Activity →
Across the lines of the records below, how many have the string "Concrete" in them? Answer with the number alone.

:::::

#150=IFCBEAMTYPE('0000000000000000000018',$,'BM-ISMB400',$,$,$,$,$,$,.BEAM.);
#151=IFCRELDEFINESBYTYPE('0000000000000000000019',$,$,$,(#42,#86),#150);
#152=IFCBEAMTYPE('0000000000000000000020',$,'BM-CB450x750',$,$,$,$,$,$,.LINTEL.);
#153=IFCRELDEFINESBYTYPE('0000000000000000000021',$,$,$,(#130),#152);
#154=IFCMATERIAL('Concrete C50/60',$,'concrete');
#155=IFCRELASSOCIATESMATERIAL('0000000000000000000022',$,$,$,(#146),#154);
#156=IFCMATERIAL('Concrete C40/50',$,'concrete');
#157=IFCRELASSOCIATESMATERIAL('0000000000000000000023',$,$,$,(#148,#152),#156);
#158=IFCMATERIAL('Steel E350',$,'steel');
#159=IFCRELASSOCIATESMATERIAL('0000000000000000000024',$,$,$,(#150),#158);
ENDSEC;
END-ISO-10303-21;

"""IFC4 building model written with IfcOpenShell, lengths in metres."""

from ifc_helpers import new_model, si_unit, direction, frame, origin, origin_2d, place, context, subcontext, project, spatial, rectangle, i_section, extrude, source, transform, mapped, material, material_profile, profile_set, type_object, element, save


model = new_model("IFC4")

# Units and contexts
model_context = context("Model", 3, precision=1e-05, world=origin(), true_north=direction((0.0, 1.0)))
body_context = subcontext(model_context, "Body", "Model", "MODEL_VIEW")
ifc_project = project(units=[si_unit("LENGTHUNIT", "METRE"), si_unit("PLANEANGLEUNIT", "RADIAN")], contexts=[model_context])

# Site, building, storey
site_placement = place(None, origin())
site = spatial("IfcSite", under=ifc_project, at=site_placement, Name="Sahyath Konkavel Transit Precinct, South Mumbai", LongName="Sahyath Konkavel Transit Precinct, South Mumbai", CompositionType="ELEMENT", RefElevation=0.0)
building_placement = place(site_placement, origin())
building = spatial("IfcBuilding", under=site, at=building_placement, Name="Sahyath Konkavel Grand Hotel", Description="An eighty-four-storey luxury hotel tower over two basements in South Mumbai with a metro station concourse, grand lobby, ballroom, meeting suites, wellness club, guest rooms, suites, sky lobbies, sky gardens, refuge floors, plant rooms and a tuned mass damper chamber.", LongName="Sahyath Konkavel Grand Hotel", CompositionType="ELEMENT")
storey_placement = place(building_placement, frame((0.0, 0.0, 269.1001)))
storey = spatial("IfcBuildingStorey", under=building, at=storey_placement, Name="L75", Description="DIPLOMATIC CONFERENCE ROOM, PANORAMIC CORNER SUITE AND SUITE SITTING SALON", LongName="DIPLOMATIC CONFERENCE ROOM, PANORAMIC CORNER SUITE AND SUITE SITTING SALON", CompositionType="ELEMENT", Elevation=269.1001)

:::::

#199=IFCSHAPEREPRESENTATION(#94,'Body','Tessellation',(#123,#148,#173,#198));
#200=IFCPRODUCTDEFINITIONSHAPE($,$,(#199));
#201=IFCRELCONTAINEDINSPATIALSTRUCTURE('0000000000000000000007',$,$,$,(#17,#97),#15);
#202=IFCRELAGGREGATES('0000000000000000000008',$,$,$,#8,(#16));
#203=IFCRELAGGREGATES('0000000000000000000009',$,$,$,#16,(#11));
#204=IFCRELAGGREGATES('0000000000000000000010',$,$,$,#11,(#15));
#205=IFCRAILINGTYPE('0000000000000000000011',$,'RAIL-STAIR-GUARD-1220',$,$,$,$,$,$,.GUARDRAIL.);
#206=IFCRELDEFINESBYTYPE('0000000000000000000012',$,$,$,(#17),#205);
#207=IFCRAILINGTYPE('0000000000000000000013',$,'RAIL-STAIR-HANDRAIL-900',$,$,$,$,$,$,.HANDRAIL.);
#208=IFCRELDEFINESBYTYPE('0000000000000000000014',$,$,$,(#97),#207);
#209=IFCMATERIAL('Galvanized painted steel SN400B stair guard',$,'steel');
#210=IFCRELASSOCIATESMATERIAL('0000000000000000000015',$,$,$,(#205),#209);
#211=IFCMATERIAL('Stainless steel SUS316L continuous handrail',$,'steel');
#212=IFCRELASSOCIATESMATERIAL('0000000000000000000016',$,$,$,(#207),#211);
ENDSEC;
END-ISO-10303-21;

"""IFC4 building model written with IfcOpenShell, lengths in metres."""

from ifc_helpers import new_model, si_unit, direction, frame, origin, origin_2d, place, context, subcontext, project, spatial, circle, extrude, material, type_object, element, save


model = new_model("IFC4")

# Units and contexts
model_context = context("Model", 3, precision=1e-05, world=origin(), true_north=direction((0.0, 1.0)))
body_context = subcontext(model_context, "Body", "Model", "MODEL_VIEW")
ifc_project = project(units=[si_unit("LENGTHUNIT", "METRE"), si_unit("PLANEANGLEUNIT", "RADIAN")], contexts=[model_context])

:::::

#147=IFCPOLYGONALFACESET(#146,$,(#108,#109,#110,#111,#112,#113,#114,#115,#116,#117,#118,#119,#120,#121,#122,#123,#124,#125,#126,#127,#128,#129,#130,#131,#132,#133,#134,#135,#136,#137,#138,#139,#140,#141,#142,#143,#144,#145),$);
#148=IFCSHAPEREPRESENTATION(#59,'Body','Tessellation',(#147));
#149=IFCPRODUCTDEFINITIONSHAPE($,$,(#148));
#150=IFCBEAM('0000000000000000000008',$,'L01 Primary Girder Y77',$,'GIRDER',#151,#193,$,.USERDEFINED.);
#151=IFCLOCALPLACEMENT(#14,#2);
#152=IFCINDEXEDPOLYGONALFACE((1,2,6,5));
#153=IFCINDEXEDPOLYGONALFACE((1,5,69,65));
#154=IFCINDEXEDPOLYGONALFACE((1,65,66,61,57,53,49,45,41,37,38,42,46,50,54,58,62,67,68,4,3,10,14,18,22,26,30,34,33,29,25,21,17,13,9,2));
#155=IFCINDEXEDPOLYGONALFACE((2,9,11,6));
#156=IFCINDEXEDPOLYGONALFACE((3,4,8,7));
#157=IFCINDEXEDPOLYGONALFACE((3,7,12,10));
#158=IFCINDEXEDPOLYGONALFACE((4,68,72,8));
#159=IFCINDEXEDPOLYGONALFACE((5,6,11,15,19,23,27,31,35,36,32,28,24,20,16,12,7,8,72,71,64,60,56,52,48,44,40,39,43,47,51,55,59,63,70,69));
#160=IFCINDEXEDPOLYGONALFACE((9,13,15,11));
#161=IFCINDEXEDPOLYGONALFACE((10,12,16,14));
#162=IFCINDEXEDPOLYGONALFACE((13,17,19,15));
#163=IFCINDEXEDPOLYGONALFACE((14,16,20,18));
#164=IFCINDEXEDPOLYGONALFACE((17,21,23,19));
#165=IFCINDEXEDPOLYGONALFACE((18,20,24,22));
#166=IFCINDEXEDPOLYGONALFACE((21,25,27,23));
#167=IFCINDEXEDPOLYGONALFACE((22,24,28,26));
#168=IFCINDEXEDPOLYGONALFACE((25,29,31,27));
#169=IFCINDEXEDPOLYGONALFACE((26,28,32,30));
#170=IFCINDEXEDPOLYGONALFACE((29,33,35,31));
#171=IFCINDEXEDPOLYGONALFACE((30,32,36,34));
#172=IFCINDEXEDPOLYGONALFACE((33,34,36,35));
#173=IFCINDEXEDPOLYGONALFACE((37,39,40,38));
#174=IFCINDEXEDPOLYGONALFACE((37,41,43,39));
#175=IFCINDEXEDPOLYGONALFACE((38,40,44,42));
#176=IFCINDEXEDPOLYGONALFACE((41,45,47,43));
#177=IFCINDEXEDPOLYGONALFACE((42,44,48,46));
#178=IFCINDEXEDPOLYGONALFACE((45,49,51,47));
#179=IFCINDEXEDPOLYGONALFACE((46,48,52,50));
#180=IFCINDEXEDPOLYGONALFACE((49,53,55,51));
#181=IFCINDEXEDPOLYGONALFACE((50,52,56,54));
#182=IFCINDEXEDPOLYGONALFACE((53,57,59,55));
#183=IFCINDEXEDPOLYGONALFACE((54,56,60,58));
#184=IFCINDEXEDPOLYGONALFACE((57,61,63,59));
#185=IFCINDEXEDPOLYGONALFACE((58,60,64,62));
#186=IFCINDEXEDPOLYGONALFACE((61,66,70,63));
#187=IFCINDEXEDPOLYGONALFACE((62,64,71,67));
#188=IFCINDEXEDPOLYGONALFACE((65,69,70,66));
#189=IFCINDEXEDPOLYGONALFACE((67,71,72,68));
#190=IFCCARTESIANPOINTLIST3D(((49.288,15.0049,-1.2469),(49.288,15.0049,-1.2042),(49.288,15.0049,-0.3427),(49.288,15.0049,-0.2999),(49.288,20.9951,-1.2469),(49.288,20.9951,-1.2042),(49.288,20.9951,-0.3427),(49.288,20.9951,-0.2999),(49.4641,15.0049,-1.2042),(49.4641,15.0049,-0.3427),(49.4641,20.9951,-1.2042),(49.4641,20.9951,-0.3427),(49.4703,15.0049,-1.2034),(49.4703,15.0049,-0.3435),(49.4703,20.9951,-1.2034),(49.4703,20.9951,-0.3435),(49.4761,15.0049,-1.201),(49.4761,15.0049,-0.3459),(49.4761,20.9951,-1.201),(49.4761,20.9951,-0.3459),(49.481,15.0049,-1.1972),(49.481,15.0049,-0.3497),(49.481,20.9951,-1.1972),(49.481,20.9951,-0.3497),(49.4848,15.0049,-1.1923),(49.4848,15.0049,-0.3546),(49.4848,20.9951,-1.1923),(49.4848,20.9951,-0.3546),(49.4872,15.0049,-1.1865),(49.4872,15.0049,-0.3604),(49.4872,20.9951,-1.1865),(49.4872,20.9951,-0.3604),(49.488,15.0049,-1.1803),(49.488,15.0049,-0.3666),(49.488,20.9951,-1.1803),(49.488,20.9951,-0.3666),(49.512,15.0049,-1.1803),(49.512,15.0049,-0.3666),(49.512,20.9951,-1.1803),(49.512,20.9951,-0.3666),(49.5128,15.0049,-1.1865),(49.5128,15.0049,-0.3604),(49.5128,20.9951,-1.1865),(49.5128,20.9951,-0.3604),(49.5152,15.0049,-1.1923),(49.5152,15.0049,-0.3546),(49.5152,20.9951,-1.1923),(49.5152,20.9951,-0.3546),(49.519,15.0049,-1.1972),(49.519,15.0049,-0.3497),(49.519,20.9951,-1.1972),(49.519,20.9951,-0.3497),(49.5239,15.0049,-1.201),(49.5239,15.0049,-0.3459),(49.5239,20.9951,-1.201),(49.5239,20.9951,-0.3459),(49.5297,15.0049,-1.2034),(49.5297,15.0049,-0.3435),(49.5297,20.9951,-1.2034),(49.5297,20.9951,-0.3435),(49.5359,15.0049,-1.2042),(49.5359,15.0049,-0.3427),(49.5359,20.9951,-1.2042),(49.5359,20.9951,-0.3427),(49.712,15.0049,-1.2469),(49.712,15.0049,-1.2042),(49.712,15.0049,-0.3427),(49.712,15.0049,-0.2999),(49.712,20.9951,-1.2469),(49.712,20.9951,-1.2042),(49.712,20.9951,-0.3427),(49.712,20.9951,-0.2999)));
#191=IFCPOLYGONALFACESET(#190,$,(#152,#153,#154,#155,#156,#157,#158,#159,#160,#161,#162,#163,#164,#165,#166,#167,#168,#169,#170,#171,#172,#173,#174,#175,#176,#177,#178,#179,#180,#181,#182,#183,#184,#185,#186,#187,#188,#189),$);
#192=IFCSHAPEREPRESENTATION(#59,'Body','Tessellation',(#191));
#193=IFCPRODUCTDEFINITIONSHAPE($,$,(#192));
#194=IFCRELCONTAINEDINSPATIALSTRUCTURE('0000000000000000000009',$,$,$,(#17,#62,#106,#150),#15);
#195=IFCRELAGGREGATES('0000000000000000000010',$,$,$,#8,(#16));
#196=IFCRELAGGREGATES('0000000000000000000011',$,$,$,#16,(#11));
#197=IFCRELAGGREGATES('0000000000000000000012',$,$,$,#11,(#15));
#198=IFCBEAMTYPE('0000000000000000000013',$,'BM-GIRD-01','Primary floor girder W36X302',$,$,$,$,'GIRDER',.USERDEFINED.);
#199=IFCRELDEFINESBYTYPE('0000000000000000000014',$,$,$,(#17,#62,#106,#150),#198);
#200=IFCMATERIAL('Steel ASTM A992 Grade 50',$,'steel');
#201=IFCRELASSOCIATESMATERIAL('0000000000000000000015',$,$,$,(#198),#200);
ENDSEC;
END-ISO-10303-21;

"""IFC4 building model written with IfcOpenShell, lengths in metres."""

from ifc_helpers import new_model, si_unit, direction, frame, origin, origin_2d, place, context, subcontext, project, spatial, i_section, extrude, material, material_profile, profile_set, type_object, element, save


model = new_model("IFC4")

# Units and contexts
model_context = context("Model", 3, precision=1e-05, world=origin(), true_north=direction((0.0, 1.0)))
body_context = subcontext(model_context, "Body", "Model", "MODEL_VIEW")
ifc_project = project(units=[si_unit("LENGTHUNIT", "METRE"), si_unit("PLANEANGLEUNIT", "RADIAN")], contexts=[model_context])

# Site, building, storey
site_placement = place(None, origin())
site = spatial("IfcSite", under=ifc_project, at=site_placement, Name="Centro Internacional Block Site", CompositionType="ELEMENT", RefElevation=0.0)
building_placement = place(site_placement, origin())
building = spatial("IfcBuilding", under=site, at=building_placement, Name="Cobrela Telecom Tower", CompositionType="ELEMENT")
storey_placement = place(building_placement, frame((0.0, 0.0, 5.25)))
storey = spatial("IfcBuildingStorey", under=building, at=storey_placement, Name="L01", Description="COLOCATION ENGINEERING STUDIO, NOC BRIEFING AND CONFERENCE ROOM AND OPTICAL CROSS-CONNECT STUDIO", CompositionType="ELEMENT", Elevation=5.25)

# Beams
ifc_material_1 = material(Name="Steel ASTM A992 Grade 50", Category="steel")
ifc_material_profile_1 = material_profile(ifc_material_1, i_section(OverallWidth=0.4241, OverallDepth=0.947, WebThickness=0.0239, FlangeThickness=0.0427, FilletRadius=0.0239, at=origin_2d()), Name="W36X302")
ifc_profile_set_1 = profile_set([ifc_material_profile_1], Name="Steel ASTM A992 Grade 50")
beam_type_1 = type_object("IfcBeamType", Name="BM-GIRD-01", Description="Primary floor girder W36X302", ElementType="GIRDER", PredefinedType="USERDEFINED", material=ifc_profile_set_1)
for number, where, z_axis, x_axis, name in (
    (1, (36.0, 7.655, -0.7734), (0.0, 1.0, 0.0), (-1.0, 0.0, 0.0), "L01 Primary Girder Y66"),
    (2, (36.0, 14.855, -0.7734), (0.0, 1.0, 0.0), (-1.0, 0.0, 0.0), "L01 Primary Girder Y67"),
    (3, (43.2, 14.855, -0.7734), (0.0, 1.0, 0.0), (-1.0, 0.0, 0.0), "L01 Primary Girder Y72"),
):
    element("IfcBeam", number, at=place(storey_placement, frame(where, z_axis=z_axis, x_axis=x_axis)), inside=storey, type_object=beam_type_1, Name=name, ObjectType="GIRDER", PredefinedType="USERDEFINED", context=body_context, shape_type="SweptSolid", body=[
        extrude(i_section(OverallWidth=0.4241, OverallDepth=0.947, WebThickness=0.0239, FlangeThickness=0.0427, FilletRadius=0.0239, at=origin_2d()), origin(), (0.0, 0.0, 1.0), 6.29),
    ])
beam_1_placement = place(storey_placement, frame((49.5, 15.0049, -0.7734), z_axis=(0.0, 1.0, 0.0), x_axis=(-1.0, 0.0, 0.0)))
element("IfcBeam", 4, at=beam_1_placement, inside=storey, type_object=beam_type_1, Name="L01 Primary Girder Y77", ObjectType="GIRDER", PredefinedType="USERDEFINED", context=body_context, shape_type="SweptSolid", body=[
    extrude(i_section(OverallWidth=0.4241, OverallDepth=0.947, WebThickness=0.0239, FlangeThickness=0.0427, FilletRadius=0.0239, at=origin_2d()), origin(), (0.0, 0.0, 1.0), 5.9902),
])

:::::

Response to the task →
2